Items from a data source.
**********
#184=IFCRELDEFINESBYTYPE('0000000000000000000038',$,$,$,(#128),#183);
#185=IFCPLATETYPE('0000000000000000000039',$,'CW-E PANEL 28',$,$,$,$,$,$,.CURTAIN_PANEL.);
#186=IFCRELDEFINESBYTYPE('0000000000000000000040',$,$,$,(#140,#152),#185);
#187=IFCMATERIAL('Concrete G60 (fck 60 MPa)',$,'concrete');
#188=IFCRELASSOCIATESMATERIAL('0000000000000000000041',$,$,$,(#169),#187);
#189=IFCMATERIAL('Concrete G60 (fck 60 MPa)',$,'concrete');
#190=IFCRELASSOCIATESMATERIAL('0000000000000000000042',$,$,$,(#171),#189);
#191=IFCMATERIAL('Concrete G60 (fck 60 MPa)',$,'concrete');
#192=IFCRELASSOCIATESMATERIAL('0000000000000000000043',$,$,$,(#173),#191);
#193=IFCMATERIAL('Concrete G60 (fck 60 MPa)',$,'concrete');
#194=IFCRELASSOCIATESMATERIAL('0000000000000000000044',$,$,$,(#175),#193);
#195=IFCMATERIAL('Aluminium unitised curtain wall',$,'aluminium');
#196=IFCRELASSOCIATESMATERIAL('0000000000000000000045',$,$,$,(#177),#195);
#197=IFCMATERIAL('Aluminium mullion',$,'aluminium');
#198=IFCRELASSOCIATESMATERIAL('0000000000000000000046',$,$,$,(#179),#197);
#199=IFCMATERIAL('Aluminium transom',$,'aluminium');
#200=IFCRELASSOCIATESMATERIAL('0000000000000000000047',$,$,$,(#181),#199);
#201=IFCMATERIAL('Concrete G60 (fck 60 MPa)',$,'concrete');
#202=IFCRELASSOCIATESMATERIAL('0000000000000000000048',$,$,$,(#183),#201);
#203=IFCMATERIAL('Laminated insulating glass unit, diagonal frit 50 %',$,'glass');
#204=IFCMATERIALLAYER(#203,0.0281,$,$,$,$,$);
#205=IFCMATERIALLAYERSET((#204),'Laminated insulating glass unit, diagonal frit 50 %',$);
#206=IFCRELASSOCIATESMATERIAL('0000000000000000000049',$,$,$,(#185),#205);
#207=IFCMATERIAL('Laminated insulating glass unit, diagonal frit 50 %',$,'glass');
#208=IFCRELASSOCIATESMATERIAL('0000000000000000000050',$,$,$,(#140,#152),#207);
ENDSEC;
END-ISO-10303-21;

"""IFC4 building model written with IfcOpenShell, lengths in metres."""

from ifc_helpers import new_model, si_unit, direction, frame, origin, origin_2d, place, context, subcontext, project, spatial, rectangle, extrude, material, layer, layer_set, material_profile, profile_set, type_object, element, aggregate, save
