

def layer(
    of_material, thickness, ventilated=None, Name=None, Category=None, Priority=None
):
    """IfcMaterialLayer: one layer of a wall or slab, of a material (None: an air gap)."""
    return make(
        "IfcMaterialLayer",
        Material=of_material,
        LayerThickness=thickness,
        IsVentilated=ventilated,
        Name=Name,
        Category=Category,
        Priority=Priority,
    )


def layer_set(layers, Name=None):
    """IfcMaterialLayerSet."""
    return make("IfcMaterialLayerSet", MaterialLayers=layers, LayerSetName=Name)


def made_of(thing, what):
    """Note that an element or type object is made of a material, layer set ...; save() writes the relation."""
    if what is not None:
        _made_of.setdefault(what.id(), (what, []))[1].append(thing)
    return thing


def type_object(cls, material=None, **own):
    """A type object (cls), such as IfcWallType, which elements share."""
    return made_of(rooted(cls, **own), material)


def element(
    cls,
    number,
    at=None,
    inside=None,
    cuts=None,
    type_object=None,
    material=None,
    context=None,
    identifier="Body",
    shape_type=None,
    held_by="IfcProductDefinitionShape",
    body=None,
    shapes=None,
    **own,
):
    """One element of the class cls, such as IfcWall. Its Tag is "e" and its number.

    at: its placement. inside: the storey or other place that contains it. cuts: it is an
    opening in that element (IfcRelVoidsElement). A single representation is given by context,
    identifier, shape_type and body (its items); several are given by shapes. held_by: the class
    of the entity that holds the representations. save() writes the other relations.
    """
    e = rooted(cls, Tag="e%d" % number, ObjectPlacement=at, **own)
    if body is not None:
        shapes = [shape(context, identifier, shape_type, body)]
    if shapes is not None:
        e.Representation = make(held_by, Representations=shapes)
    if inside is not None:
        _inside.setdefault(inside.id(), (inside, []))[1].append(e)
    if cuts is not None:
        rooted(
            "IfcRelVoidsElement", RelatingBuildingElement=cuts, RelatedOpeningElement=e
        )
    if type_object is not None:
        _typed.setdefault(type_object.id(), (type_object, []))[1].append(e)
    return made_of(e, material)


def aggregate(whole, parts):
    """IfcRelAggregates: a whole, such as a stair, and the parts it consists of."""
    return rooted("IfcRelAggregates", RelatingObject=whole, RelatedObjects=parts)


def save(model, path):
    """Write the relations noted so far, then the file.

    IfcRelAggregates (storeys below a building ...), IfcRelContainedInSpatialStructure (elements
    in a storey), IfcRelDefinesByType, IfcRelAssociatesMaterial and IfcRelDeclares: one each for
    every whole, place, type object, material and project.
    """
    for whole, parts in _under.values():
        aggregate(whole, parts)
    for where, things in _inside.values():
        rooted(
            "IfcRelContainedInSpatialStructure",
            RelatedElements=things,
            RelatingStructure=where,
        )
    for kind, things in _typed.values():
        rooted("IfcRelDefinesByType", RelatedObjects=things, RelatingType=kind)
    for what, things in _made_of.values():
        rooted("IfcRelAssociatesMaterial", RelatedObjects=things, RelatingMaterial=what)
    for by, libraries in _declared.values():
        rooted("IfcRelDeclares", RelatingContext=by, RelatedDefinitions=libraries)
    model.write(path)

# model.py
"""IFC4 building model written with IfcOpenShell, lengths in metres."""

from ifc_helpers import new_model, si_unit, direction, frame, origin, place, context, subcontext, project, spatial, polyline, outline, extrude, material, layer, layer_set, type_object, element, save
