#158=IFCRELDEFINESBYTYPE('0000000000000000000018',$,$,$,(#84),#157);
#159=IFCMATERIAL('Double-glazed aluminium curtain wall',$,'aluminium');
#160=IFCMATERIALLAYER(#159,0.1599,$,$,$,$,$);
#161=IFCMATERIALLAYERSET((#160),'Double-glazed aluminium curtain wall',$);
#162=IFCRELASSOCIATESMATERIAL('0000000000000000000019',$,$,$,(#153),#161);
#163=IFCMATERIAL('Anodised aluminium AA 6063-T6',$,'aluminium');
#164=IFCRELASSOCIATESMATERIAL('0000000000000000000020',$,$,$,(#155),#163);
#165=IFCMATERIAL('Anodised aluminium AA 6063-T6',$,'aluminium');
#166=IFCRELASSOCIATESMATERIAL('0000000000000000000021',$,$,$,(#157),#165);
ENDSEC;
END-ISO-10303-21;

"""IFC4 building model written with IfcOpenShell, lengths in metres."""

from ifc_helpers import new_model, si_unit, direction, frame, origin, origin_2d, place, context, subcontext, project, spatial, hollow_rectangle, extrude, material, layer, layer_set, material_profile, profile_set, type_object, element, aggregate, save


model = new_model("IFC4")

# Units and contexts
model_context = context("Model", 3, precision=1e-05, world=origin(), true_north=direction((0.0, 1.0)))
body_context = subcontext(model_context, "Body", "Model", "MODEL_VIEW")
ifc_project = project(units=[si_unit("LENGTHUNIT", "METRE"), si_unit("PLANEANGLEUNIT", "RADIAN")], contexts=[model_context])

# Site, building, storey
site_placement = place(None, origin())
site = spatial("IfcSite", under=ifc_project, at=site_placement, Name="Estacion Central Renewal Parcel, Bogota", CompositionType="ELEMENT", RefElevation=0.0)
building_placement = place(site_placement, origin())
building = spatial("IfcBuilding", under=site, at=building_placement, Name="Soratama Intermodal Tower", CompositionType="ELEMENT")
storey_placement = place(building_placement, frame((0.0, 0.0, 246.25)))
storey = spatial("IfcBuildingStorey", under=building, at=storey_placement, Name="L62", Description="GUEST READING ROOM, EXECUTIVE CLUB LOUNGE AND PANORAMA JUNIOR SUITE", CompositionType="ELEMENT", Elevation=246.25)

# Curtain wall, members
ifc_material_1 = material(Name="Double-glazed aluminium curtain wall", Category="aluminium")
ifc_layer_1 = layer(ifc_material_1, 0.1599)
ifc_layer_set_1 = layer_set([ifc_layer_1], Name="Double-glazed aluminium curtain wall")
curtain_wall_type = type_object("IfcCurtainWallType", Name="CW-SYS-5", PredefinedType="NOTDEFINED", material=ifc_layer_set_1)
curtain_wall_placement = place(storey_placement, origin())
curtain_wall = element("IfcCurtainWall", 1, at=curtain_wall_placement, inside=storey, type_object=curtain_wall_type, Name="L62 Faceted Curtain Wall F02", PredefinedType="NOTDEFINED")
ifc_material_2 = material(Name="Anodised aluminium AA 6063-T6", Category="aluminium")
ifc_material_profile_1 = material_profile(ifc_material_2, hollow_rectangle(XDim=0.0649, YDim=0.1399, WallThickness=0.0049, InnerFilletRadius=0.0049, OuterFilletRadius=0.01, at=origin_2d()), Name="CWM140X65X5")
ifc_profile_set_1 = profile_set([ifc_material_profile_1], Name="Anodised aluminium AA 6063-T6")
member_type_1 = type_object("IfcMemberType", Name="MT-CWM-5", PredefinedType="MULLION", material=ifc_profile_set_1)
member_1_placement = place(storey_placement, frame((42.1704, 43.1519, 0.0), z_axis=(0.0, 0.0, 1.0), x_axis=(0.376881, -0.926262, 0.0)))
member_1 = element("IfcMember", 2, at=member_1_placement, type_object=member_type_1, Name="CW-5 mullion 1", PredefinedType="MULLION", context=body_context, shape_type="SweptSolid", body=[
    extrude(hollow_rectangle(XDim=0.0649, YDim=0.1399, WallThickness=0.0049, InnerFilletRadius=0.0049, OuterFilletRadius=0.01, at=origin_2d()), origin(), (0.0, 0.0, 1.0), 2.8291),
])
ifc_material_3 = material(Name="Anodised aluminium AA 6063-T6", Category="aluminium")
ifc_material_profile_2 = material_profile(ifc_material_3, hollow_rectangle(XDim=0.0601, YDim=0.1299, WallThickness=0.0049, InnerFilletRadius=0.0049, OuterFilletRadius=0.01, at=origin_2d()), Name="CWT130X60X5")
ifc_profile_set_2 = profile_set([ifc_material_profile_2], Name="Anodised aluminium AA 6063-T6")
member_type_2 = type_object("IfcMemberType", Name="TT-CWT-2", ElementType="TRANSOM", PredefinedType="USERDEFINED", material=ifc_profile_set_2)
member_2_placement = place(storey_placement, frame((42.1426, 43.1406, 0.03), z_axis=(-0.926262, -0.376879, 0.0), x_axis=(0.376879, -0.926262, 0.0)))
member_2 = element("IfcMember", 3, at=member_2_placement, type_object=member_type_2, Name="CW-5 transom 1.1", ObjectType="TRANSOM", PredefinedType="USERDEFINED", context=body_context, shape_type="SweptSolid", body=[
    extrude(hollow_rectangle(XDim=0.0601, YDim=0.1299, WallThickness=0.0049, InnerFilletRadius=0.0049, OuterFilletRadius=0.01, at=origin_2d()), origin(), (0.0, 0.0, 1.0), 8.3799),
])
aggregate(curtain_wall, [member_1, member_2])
**********
TASK. If a line in the records holds the string "NOTDEFINED", copy it.

EXERCISE ANSWER.
curtain_wall_type = type_object("IfcCurtainWallType", Name="CW-SYS-5", PredefinedType="NOTDEFINED", material=ifc_layer_set_1)
curtain_wall = element("IfcCurtainWall", 1, at=curtain_wall_placement, inside=storey, type_object=curtain_wall_type, Name="L62 Faceted Curtain Wall F02", PredefinedType="NOTDEFINED")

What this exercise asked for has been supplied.